Top of Entries supplied

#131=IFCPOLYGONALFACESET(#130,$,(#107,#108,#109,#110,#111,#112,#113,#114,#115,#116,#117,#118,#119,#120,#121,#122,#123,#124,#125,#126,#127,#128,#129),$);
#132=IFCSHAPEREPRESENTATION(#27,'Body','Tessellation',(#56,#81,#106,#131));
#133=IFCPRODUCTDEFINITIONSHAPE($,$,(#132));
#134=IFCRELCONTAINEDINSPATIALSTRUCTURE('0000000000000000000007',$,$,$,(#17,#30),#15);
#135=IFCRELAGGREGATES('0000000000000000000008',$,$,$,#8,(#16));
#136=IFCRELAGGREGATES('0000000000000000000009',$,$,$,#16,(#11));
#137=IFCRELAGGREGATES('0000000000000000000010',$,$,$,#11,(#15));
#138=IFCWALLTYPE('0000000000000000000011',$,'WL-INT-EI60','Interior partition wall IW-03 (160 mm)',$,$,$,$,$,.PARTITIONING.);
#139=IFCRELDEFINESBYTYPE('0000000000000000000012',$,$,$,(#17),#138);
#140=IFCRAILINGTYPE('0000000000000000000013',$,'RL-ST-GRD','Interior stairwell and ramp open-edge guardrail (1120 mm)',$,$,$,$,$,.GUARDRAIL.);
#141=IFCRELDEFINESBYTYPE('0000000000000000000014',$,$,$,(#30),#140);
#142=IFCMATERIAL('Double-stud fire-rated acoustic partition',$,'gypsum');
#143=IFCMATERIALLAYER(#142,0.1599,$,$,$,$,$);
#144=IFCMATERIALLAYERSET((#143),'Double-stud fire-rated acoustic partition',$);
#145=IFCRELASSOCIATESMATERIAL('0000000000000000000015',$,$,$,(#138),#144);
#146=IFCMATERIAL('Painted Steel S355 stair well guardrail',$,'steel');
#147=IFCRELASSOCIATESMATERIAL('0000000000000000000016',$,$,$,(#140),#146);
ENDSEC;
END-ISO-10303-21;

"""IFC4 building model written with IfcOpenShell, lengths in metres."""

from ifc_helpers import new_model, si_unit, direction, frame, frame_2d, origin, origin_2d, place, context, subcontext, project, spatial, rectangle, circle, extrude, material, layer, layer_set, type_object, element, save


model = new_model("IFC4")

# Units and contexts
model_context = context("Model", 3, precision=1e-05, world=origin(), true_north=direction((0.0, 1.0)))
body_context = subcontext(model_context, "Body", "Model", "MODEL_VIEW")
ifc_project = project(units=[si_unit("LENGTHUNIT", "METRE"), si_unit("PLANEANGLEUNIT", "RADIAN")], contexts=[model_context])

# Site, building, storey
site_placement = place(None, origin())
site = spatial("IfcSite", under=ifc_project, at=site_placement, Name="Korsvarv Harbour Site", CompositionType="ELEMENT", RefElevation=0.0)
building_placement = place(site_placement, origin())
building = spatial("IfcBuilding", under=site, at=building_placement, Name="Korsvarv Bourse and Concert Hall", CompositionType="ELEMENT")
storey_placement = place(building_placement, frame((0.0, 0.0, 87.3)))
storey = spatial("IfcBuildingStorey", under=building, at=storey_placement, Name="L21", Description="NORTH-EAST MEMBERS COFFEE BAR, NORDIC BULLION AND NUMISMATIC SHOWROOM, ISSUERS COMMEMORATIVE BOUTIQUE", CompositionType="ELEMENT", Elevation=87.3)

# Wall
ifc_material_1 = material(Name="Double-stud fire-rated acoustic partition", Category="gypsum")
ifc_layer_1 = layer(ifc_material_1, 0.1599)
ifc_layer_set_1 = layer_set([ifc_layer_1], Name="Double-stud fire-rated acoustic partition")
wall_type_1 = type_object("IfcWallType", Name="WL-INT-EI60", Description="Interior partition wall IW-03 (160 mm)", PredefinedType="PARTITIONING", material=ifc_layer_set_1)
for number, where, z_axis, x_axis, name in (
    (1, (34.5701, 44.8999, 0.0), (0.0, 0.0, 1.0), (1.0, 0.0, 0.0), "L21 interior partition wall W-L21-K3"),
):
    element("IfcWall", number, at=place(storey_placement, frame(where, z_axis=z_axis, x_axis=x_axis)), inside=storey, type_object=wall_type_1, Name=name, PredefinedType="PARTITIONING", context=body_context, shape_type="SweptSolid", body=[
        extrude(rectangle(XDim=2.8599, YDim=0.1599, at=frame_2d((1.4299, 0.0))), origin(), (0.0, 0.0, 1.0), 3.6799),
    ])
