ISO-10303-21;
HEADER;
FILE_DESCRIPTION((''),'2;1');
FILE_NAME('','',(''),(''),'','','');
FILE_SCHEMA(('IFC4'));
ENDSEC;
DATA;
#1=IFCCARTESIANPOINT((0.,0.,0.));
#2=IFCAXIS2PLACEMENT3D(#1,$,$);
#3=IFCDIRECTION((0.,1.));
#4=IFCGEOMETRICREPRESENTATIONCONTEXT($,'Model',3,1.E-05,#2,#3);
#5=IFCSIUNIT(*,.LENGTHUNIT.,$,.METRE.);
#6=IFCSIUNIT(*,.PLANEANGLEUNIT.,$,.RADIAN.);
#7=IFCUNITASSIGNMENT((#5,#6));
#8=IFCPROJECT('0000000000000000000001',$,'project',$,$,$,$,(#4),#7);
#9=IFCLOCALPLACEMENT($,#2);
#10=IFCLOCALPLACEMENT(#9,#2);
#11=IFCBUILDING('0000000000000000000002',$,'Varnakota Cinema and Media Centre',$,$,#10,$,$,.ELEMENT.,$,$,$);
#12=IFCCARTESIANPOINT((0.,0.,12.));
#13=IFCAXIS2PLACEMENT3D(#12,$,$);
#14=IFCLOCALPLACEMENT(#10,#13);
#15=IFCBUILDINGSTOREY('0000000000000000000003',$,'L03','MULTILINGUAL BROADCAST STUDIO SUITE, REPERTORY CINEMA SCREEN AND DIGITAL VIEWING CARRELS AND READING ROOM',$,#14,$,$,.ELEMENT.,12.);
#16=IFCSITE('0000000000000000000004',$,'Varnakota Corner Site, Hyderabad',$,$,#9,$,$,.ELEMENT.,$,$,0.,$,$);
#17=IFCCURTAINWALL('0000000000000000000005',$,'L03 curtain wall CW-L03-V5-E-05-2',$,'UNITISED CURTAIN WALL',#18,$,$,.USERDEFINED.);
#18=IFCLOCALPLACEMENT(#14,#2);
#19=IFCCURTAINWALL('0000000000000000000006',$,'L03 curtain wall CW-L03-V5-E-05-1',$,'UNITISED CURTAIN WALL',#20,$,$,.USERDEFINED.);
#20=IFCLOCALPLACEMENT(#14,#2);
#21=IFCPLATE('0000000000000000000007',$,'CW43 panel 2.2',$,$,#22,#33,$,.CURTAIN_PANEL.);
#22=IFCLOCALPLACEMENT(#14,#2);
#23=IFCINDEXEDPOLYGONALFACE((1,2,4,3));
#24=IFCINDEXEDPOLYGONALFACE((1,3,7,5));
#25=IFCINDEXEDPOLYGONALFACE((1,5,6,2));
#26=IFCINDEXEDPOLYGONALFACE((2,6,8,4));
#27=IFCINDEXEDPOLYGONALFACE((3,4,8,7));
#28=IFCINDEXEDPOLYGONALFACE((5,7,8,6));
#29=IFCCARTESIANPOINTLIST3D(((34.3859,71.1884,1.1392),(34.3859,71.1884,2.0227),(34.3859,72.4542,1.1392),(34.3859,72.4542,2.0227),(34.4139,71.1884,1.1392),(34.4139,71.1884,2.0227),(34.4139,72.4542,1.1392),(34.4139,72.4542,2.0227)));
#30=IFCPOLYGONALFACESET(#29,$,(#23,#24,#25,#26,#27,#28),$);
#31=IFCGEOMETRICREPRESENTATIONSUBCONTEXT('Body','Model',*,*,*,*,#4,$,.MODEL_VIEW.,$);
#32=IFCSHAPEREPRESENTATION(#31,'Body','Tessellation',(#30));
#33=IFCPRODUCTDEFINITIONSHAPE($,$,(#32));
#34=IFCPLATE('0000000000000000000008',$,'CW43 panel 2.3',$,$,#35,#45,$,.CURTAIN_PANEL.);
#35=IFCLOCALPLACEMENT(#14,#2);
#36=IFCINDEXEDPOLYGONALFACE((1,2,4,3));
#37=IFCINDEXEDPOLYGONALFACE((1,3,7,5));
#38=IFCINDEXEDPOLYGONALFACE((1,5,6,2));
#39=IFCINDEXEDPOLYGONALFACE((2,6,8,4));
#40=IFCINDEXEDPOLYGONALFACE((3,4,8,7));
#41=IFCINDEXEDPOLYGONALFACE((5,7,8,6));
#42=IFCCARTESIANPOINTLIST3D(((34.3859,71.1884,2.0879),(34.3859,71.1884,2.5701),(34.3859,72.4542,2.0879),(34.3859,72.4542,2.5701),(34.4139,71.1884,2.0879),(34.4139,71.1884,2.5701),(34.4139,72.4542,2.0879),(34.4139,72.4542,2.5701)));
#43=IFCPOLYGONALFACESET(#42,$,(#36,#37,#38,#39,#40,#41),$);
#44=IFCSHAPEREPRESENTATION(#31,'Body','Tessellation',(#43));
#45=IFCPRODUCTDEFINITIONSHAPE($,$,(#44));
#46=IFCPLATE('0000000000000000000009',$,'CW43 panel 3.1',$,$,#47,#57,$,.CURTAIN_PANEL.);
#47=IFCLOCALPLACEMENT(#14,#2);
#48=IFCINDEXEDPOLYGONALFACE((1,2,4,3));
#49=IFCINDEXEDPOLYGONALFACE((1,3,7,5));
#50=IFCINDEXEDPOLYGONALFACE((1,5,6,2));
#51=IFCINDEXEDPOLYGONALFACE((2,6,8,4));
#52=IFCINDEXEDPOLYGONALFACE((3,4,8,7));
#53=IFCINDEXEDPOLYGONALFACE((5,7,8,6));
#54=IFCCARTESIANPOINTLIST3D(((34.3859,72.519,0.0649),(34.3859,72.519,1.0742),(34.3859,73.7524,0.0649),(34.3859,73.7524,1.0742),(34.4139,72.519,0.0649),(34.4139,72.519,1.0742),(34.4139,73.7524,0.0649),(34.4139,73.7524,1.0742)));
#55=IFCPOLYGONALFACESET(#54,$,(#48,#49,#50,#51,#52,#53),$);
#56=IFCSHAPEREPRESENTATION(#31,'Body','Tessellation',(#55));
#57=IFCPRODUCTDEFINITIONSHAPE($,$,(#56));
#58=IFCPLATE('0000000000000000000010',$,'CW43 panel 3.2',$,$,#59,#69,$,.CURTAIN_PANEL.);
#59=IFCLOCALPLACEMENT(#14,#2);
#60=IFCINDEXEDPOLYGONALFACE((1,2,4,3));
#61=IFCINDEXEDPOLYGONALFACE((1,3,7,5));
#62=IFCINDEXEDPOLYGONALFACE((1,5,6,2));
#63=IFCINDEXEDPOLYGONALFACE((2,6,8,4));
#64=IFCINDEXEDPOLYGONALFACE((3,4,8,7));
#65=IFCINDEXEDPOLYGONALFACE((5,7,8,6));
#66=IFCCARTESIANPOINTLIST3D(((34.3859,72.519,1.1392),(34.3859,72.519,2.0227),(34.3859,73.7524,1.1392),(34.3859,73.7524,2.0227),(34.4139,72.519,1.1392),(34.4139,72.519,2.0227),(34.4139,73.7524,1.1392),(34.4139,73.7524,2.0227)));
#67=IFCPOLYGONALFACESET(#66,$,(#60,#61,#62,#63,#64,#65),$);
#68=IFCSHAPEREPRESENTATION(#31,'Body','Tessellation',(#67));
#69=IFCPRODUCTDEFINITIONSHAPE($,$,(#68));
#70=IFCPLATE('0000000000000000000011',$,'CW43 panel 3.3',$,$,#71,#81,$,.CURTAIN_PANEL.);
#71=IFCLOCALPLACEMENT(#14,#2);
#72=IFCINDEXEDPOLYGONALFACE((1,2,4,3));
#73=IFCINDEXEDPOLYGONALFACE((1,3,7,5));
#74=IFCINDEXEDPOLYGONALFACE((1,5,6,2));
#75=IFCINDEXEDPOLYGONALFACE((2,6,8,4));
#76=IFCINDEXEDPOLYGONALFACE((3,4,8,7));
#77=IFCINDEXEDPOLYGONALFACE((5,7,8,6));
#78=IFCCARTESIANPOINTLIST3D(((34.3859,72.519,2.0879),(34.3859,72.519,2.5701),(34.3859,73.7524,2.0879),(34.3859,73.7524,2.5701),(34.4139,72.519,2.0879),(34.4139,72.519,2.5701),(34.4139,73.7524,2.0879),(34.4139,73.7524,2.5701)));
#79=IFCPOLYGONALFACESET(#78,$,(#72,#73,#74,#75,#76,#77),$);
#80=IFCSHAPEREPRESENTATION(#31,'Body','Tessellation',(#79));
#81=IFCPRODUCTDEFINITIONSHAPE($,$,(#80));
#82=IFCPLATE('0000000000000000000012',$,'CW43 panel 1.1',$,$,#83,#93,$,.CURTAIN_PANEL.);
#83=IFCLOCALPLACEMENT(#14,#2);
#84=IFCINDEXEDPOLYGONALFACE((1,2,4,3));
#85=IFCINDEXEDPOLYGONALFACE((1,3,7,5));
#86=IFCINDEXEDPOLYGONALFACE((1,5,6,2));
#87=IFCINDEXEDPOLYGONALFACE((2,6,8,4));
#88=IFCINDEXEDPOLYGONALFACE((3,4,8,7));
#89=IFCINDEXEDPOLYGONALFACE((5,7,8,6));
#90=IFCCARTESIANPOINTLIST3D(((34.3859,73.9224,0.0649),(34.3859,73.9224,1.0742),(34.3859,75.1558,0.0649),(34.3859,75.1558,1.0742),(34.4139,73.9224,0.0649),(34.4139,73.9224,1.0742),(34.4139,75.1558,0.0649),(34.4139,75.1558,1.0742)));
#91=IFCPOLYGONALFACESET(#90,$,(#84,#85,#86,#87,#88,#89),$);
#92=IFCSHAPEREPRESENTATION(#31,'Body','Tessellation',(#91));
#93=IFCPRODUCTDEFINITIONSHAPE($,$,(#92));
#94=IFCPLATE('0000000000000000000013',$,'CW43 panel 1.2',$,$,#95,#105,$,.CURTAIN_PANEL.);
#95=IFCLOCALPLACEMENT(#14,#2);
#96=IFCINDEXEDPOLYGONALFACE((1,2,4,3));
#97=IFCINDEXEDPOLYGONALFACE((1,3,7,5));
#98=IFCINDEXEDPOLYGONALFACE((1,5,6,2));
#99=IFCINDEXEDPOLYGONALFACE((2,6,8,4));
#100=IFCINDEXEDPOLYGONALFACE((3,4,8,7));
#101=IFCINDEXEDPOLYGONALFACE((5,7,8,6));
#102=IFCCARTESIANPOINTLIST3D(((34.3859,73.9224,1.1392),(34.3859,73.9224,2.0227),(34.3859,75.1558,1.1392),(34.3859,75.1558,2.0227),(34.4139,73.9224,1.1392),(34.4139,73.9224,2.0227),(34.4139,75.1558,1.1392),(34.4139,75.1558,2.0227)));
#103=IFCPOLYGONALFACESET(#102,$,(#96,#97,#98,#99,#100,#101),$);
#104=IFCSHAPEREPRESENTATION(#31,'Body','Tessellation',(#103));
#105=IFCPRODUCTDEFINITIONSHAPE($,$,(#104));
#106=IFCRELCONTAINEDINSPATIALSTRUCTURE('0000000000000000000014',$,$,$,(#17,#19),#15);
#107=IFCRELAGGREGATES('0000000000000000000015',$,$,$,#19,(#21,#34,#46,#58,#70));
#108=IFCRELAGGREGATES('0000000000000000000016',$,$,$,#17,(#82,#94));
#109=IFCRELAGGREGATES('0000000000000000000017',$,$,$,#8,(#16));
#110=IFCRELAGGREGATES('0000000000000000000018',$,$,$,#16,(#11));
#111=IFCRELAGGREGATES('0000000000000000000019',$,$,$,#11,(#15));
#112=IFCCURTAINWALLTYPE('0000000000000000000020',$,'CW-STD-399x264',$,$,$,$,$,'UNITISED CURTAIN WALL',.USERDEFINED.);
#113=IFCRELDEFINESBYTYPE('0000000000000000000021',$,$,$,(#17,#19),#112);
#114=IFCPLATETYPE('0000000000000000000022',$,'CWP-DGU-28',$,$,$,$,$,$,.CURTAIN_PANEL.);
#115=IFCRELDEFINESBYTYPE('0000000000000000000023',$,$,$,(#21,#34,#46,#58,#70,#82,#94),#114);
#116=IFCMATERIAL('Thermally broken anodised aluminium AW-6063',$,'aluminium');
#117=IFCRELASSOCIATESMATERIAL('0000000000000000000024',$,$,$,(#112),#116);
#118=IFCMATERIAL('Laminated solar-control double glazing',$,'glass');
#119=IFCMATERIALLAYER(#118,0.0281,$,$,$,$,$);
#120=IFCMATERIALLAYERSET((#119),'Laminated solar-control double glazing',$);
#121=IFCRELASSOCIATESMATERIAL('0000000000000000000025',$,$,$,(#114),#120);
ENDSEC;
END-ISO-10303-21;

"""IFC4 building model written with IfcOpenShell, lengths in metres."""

from ifc_helpers import new_model, si_unit, direction, frame, origin, origin_2d, place, context, subcontext, project, spatial, rectangle, extrude, material, layer, layer_set, type_object, element, aggregate, save


model = new_model("IFC4")

# Units and contexts
model_context = context("Model", 3, precision=1e-05, world=origin(), true_north=direction((0.0, 1.0)))
body_context = subcontext(model_context, "Body", "Model", "MODEL_VIEW")
ifc_project = project(units=[si_unit("LENGTHUNIT", "METRE"), si_unit("PLANEANGLEUNIT", "RADIAN")], contexts=[model_context])

# Site, building, storey
site_placement = place(None, origin())
site = spatial("IfcSite", under=ifc_project, at=site_placement, Name="Varnakota Corner Site, Hyderabad", CompositionType="ELEMENT", RefElevation=0.0)
building_placement = place(site_placement, origin())
building = spatial("IfcBuilding", under=site, at=building_placement, Name="Varnakota Cinema and Media Centre", CompositionType="ELEMENT")
storey_placement = place(building_placement, frame((0.0, 0.0, 12.0)))
storey = spatial("IfcBuildingStorey", under=building, at=storey_placement, Name="L03", Description="MULTILINGUAL BROADCAST STUDIO SUITE, REPERTORY CINEMA SCREEN AND DIGITAL VIEWING CARRELS AND READING ROOM", CompositionType="ELEMENT", Elevation=12.0)

# Curtain wall
ifc_material_1 = material(Name="Thermally broken anodised aluminium AW-6063", Category="aluminium")
curtain_wall_type = type_object("IfcCurtainWallType", Name="CW-STD-399x264", ElementType="UNITISED CURTAIN WALL", PredefinedType="USERDEFINED", material=ifc_material_1)
curtain_wall_1_placement = place(storey_placement, origin())
curtain_wall_1 = element("IfcCurtainWall", 1, at=curtain_wall_1_placement, inside=storey, type_object=curtain_wall_type, Name="L03 curtain wall CW-L03-V5-E-05-2", ObjectType="UNITISED CURTAIN WALL", PredefinedType="USERDEFINED")

# Curtain wall
curtain_wall_2_placement = place(storey_placement, origin())
curtain_wall_2 = element("IfcCurtainWall", 2, at=curtain_wall_2_placement, inside=storey, type_object=curtain_wall_type, Name="L03 curtain wall CW-L03-V5-E-05-1", ObjectType="UNITISED CURTAIN WALL", PredefinedType="USERDEFINED")

# Plates
ifc_material_2 = material(Name="Laminated solar-control double glazing", Category="glass")
ifc_layer = layer(ifc_material_2, 0.0281)
ifc_layer_set = layer_set([ifc_layer], Name="Laminated solar-control double glazing")
plate_type = type_object("IfcPlateType", Name="CWP-DGU-28", PredefinedType="CURTAIN_PANEL", material=ifc_layer_set)
plate_1_placement = place(storey_placement, frame((34.3999, 71.8213, 1.1392), z_axis=(0.0, 0.0, 1.0), x_axis=(0.0, 1.0, 0.0)))
plate_1 = element("IfcPlate", 3, at=plate_1_placement, type_object=plate_type, Name="CW43 panel 2.2", PredefinedType="CURTAIN_PANEL", context=body_context, shape_type="SweptSolid", body=[
    extrude(rectangle(XDim=1.2659, YDim=0.0281, at=origin_2d()), origin(), (0.0, 0.0, 1.0), 0.8835),
])
plate_2_placement = place(storey_placement, frame((34.3999, 71.8213, 2.0879), z_axis=(0.0, 0.0, 1.0), x_axis=(0.0, 1.0, 0.0)))
plate_2 = element("IfcPlate", 4, at=plate_2_placement, type_object=plate_type, Name="CW43 panel 2.3", PredefinedType="CURTAIN_PANEL", context=body_context, shape_type="SweptSolid", body=[
    extrude(rectangle(XDim=1.2659, YDim=0.0281, at=origin_2d()), origin(), (0.0, 0.0, 1.0), 0.4822),
])
plate_3_placement = place(storey_placement, frame((34.3999, 73.1357, 0.0649), z_axis=(0.0, 0.0, 1.0), x_axis=(0.0, 1.0, 0.0)))
plate_3 = element("IfcPlate", 5, at=plate_3_placement, type_object=plate_type, Name="CW43 panel 3.1", PredefinedType="CURTAIN_PANEL", context=body_context, shape_type="SweptSolid", body=[
    extrude(rectangle(XDim=1.2334, YDim=0.0281, at=origin_2d()), origin(), (0.0, 0.0, 1.0), 1.0093),
])
plate_4_placement = place(storey_placement, frame((34.3999, 73.1357, 1.1392), z_axis=(0.0, 0.0, 1.0), x_axis=(0.0, 1.0, 0.0)))
plate_4 = element("IfcPlate", 6, at=plate_4_placement, type_object=plate_type, Name="CW43 panel 3.2", PredefinedType="CURTAIN_PANEL", context=body_context, shape_type="SweptSolid", body=[
    extrude(rectangle(XDim=1.2334, YDim=0.0281, at=origin_2d()), origin(), (0.0, 0.0, 1.0), 0.8835),
])
plate_5_placement = place(storey_placement, frame((34.3999, 73.1357, 2.0879), z_axis=(0.0, 0.0, 1.0), x_axis=(0.0, 1.0, 0.0)))
plate_5 = element("IfcPlate", 7, at=plate_5_placement, type_object=plate_type, Name="CW43 panel 3.3", PredefinedType="CURTAIN_PANEL", context=body_context, shape_type="SweptSolid", body=[
    extrude(rectangle(XDim=1.2334, YDim=0.0281, at=origin_2d()), origin(), (0.0, 0.0, 1.0), 0.4822),
])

Bottom of Entries supplied

# Exercise details
Copy out, exactly and alone, the lines of the entries above between the ones holding "#44=IFCSHAPEREPRESENTATION(#31,'Body','Tessellation',(#43));" and "#53=IFCINDEXEDPOLYGONALFACE((5,7,8,6));", inclusive.

# Task answer
#44=IFCSHAPEREPRESENTATION(#31,'Body','Tessellation',(#43));
#45=IFCPRODUCTDEFINITIONSHAPE($,$,(#44));
#46=IFCPLATE('0000000000000000000009',$,'CW43 panel 3.1',$,$,#47,#57,$,.CURTAIN_PANEL.);
#47=IFCLOCALPLACEMENT(#14,#2);
#48=IFCINDEXEDPOLYGONALFACE((1,2,4,3));
#49=IFCINDEXEDPOLYGONALFACE((1,3,7,5));
#50=IFCINDEXEDPOLYGONALFACE((1,5,6,2));
#51=IFCINDEXEDPOLYGONALFACE((2,6,8,4));
#52=IFCINDEXEDPOLYGONALFACE((3,4,8,7));
#53=IFCINDEXEDPOLYGONALFACE((5,7,8,6));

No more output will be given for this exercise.